■ Task to complete ■
For the records that follow, please set down exactly the lines between the one holding "#44=IFCINDEXEDPOLYGONALFACE((1,2,4,3));" and the one holding "#68=IFCRELAGGREGATES('0000000000000000000011',$,$,$,#16,(#11));", inclusive, and only those.

------------------------------------------------------------------------

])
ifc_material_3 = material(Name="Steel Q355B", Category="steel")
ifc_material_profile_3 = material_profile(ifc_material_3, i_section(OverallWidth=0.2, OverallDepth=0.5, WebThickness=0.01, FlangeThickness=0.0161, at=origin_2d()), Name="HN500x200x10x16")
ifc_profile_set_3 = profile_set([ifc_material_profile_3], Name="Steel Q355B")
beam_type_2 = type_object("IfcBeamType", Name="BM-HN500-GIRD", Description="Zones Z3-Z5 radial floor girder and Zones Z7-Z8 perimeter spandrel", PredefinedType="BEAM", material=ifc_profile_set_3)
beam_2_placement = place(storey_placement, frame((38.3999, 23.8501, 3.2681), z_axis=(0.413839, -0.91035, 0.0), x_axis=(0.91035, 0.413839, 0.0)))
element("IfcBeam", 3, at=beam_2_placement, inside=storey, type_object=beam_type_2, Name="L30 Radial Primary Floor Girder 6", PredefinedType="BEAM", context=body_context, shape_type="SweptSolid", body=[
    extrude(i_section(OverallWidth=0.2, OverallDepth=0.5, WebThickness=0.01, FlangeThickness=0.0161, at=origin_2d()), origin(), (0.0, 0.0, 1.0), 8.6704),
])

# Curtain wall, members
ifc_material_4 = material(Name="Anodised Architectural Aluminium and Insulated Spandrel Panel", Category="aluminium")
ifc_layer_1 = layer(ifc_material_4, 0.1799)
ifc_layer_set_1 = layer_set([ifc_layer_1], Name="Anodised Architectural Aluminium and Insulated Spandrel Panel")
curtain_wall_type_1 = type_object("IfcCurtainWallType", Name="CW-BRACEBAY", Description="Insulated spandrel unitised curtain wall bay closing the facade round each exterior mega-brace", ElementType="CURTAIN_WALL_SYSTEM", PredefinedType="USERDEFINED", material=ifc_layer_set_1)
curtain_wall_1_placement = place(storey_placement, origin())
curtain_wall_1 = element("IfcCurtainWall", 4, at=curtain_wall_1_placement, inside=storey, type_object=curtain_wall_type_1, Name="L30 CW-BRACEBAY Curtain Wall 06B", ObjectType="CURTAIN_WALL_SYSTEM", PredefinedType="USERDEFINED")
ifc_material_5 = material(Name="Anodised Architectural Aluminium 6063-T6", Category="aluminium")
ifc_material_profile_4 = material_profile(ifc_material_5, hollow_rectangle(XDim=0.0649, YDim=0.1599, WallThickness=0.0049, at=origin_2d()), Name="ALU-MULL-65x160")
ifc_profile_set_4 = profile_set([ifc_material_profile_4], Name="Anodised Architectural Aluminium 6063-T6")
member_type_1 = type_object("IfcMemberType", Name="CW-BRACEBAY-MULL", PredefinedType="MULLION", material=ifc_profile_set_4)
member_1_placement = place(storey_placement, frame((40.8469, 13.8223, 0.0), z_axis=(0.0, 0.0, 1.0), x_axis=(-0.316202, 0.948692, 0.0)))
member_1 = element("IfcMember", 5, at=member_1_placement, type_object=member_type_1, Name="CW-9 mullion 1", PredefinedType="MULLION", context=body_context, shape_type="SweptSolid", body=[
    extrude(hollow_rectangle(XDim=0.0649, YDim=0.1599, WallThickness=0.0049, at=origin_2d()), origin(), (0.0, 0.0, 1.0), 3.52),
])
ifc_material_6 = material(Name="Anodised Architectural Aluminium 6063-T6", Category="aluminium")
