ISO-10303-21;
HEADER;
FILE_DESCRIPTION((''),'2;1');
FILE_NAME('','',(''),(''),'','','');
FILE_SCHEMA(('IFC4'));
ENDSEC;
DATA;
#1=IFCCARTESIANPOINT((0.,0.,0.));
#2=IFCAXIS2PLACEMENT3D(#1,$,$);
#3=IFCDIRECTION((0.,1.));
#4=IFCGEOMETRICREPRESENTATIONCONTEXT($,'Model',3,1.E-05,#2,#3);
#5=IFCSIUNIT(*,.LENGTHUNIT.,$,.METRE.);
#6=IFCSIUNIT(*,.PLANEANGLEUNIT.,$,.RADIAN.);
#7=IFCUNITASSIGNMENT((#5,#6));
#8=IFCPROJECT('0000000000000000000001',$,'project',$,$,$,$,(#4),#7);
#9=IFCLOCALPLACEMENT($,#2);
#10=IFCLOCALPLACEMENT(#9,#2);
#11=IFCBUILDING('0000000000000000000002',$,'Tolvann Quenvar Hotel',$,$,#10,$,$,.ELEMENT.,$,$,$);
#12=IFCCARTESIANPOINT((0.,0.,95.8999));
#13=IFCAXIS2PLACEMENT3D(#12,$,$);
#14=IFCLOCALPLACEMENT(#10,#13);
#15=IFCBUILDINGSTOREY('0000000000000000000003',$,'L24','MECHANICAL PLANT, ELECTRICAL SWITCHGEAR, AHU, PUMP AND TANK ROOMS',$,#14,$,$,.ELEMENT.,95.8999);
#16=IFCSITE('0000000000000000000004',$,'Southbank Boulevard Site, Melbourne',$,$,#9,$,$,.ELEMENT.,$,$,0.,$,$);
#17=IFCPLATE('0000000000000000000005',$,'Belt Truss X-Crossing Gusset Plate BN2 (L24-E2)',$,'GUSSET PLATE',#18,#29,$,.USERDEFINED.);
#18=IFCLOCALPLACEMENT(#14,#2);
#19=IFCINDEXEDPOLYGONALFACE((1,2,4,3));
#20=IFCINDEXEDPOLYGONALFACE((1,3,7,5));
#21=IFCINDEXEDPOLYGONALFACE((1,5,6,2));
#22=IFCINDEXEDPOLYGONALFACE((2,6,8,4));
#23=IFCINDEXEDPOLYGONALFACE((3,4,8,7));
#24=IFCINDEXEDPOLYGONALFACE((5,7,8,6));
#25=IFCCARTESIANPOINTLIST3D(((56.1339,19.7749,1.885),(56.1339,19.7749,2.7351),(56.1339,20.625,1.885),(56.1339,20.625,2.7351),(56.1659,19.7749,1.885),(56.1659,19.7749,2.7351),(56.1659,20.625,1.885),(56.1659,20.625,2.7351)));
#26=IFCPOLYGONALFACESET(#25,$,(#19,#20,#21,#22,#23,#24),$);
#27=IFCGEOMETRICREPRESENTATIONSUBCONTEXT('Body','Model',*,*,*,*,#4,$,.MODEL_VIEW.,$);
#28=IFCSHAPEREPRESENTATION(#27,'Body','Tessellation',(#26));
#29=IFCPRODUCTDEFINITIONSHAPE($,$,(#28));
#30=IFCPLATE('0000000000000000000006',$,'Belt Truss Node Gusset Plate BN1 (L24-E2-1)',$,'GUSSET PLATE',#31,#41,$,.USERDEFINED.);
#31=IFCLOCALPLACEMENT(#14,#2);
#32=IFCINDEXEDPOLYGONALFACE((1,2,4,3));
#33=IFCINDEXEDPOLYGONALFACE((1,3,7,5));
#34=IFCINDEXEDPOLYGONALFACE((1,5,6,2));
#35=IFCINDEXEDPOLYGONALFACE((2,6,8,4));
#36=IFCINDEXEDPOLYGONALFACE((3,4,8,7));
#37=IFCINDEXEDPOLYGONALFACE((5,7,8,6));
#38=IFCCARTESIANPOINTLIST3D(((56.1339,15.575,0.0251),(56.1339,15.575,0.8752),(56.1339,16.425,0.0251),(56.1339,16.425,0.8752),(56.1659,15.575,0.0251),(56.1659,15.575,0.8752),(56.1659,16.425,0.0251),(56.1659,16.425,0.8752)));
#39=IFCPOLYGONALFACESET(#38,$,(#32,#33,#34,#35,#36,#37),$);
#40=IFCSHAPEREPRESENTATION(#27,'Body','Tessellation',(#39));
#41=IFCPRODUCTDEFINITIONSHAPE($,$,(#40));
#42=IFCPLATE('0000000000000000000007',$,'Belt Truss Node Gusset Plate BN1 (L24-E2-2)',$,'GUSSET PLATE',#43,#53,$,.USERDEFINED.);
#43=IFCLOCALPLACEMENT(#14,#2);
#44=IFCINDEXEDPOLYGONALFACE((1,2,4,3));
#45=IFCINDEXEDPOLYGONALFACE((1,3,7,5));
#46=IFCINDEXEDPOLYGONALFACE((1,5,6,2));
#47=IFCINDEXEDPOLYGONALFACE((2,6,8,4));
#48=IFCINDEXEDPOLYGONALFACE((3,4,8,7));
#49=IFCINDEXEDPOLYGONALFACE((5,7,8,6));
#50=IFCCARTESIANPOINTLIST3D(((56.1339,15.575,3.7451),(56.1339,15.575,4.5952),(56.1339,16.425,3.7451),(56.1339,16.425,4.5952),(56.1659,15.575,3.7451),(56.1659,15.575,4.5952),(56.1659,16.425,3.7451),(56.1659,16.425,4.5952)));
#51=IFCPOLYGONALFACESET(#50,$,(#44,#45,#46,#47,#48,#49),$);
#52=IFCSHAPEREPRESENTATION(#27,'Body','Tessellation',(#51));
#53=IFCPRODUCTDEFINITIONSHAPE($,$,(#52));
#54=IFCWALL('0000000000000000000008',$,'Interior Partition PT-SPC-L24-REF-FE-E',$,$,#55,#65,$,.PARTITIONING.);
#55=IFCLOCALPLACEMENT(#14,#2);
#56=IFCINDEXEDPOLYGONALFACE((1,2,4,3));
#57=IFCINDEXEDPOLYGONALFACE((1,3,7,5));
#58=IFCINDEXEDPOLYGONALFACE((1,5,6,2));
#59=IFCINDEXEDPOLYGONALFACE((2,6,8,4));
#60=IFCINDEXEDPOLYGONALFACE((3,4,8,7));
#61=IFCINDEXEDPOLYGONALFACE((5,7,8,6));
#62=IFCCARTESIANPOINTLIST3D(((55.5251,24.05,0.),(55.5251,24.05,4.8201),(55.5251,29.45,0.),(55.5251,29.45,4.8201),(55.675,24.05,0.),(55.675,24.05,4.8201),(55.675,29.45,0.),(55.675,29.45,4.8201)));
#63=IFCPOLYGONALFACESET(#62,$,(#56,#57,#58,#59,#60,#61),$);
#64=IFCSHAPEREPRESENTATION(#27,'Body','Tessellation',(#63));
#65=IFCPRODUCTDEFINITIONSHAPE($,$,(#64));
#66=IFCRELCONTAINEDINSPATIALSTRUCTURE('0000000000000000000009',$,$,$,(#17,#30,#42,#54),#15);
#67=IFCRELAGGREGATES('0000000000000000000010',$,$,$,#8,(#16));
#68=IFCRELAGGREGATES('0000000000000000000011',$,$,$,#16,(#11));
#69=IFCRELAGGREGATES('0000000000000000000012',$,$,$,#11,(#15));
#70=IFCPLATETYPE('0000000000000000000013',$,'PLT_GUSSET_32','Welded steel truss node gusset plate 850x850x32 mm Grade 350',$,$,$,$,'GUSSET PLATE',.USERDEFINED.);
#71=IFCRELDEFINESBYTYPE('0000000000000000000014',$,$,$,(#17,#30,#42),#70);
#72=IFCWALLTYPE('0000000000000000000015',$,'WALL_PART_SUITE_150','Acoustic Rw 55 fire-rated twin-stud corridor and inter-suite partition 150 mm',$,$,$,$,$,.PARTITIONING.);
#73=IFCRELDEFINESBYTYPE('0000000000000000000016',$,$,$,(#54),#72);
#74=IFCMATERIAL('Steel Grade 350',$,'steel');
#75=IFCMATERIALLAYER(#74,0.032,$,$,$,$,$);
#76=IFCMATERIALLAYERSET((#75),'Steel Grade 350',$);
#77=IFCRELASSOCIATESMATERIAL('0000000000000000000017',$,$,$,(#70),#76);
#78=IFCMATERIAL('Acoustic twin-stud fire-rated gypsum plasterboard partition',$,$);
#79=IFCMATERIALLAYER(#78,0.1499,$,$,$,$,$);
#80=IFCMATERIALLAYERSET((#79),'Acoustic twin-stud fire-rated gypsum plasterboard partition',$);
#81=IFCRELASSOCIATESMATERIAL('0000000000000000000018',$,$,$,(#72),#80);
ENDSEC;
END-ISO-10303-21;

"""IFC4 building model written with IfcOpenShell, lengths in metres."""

from ifc_helpers import new_model, si_unit, direction, frame, frame_2d, origin, origin_2d, place, context, subcontext, project, spatial, rectangle, extrude, source, transform, mapped, material, layer, layer_set, type_object, type_shapes, element, save


model = new_model("IFC4")

# Units and contexts
model_context = context("Model", 3, precision=1e-05, world=origin(), true_north=direction((0.0, 1.0)))
body_context = subcontext(model_context, "Body", "Model", "MODEL_VIEW")
ifc_project = project(units=[si_unit("LENGTHUNIT", "METRE"), si_unit("PLANEANGLEUNIT", "RADIAN")], contexts=[model_context])

# Site, building, storey
site_placement = place(None, origin())
site = spatial("IfcSite", under=ifc_project, at=site_placement, Name="Southbank Boulevard Site, Melbourne", CompositionType="ELEMENT", RefElevation=0.0)
building_placement = place(site_placement, origin())
building = spatial("IfcBuilding", under=site, at=building_placement, Name="Tolvann Quenvar Hotel", CompositionType="ELEMENT")
storey_placement = place(building_placement, frame((0.0, 0.0, 95.8999)))
storey = spatial("IfcBuildingStorey", under=building, at=storey_placement, Name="L24", Description="MECHANICAL PLANT, ELECTRICAL SWITCHGEAR, AHU, PUMP AND TANK ROOMS", CompositionType="ELEMENT", Elevation=95.8999)

# Shared definitions
ifc_material_1 = material(Name="Steel Grade 350", Category="steel")

# Plates
ifc_layer_1 = layer(ifc_material_1, 0.032)
ifc_layer_set_1 = layer_set([ifc_layer_1], Name="Steel Grade 350")
plate_type = type_object("IfcPlateType", Name="PLT_GUSSET_32", Description="Welded steel truss node gusset plate 850x850x32 mm Grade 350", ElementType="GUSSET PLATE", PredefinedType="USERDEFINED", material=ifc_layer_set_1)
shared_shape_1 = source(origin(), body_context, "Body", "SweptSolid", [
    extrude(rectangle(XDim=0.032, YDim=0.8501, at=origin_2d()), origin(), (0.0, 0.0, 1.0), 0.8501),
])
type_shapes(plate_type, [shared_shape_1])
for number, where, z_axis, x_axis, name in (
    (1, (56.1499, 20.2, 1.885), (0.0, 0.0, 1.0), (1.0, 0.0, 0.0), "Belt Truss X-Crossing Gusset Plate BN2 (L24-E2)"),
    (2, (56.1499, 16.0, 0.0251), (0.0, 0.0, 1.0), (1.0, 0.0, 0.0), "Belt Truss Node Gusset Plate BN1 (L24-E2-1)"),
    (3, (56.1499, 16.0, 3.7451), (0.0, 0.0, 1.0), (1.0, 0.0, 0.0), "Belt Truss Node Gusset Plate BN1 (L24-E2-2)"),
):
    element("IfcPlate", number, at=place(storey_placement, frame(where, z_axis=z_axis, x_axis=x_axis)), inside=storey, type_object=plate_type, Name=name, ObjectType="GUSSET PLATE", PredefinedType="USERDEFINED", context=body_context, shape_type="MappedRepresentation", body=[
        mapped(shared_shape_1, transform((0.0, 0.0, 0.0), x_axis=(1.0, 0.0, 0.0), y_axis=(0.0, 1.0, 0.0), z_axis=(0.0, 0.0, 1.0), scale=1.0)),
    ])

# Wall
ifc_material_2 = material(Name="Acoustic twin-stud fire-rated gypsum plasterboard partition")
ifc_layer_2 = layer(ifc_material_2, 0.1499)
ifc_layer_set_2 = layer_set([ifc_layer_2], Name="Acoustic twin-stud fire-rated gypsum plasterboard partition")
wall_type = type_object("IfcWallType", Name="WALL_PART_SUITE_150", Description="Acoustic Rw 55 fire-rated twin-stud corridor and inter-suite partition 150 mm", PredefinedType="PARTITIONING", material=ifc_layer_set_2)
wall_placement = place(storey_placement, frame((55.6001, 24.05, 0.0), z_axis=(0.0, 0.0, 1.0), x_axis=(0.0, 1.0, 0.0)))
element("IfcWall", 4, at=wall_placement, inside=storey, type_object=wall_type, Name="Interior Partition PT-SPC-L24-REF-FE-E", PredefinedType="PARTITIONING", context=body_context, shape_type="SweptSolid", body=[
    extrude(rectangle(XDim=5.3999, YDim=0.1499, at=frame_2d((2.7, 0.0))), origin(), (0.0, 0.0, 1.0), 4.8201),
])

save(model, "model.ifc")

------------------------------------------------------------------------

■ Task response ■
#44=IFCINDEXEDPOLYGONALFACE((1,2,4,3));
#45=IFCINDEXEDPOLYGONALFACE((1,3,7,5));
#46=IFCINDEXEDPOLYGONALFACE((1,5,6,2));
#47=IFCINDEXEDPOLYGONALFACE((2,6,8,4));
#48=IFCINDEXEDPOLYGONALFACE((3,4,8,7));
#49=IFCINDEXEDPOLYGONALFACE((5,7,8,6));
#50=IFCCARTESIANPOINTLIST3D(((56.1339,15.575,3.7451),(56.1339,15.575,4.5952),(56.1339,16.425,3.7451),(56.1339,16.425,4.5952),(56.1659,15.575,3.7451),(56.1659,15.575,4.5952),(56.1659,16.425,3.7451),(56.1659,16.425,4.5952)));
#51=IFCPOLYGONALFACESET(#50,$,(#44,#45,#46,#47,#48,#49),$);
#52=IFCSHAPEREPRESENTATION(#27,'Body','Tessellation',(#51));
#53=IFCPRODUCTDEFINITIONSHAPE($,$,(#52));
#54=IFCWALL('0000000000000000000008',$,'Interior Partition PT-SPC-L24-REF-FE-E',$,$,#55,#65,$,.PARTITIONING.);
#55=IFCLOCALPLACEMENT(#14,#2);
#56=IFCINDEXEDPOLYGONALFACE((1,2,4,3));
#57=IFCINDEXEDPOLYGONALFACE((1,3,7,5));
#58=IFCINDEXEDPOLYGONALFACE((1,5,6,2));
#59=IFCINDEXEDPOLYGONALFACE((2,6,8,4));
#60=IFCINDEXEDPOLYGONALFACE((3,4,8,7));
#61=IFCINDEXEDPOLYGONALFACE((5,7,8,6));
#62=IFCCARTESIANPOINTLIST3D(((55.5251,24.05,0.),(55.5251,24.05,4.8201),(55.5251,29.45,0.),(55.5251,29.45,4.8201),(55.675,24.05,0.),(55.675,24.05,4.8201),(55.675,29.45,0.),(55.675,29.45,4.8201)));
#63=IFCPOLYGONALFACESET(#62,$,(#56,#57,#58,#59,#60,#61),$);
#64=IFCSHAPEREPRESENTATION(#27,'Body','Tessellation',(#63));
#65=IFCPRODUCTDEFINITIONSHAPE($,$,(#64));
#66=IFCRELCONTAINEDINSPATIALSTRUCTURE('0000000000000000000009',$,$,$,(#17,#30,#42,#54),#15);
#67=IFCRELAGGREGATES('0000000000000000000010',$,$,$,#8,(#16));
#68=IFCRELAGGREGATES('0000000000000000000011',$,$,$,#16,(#11));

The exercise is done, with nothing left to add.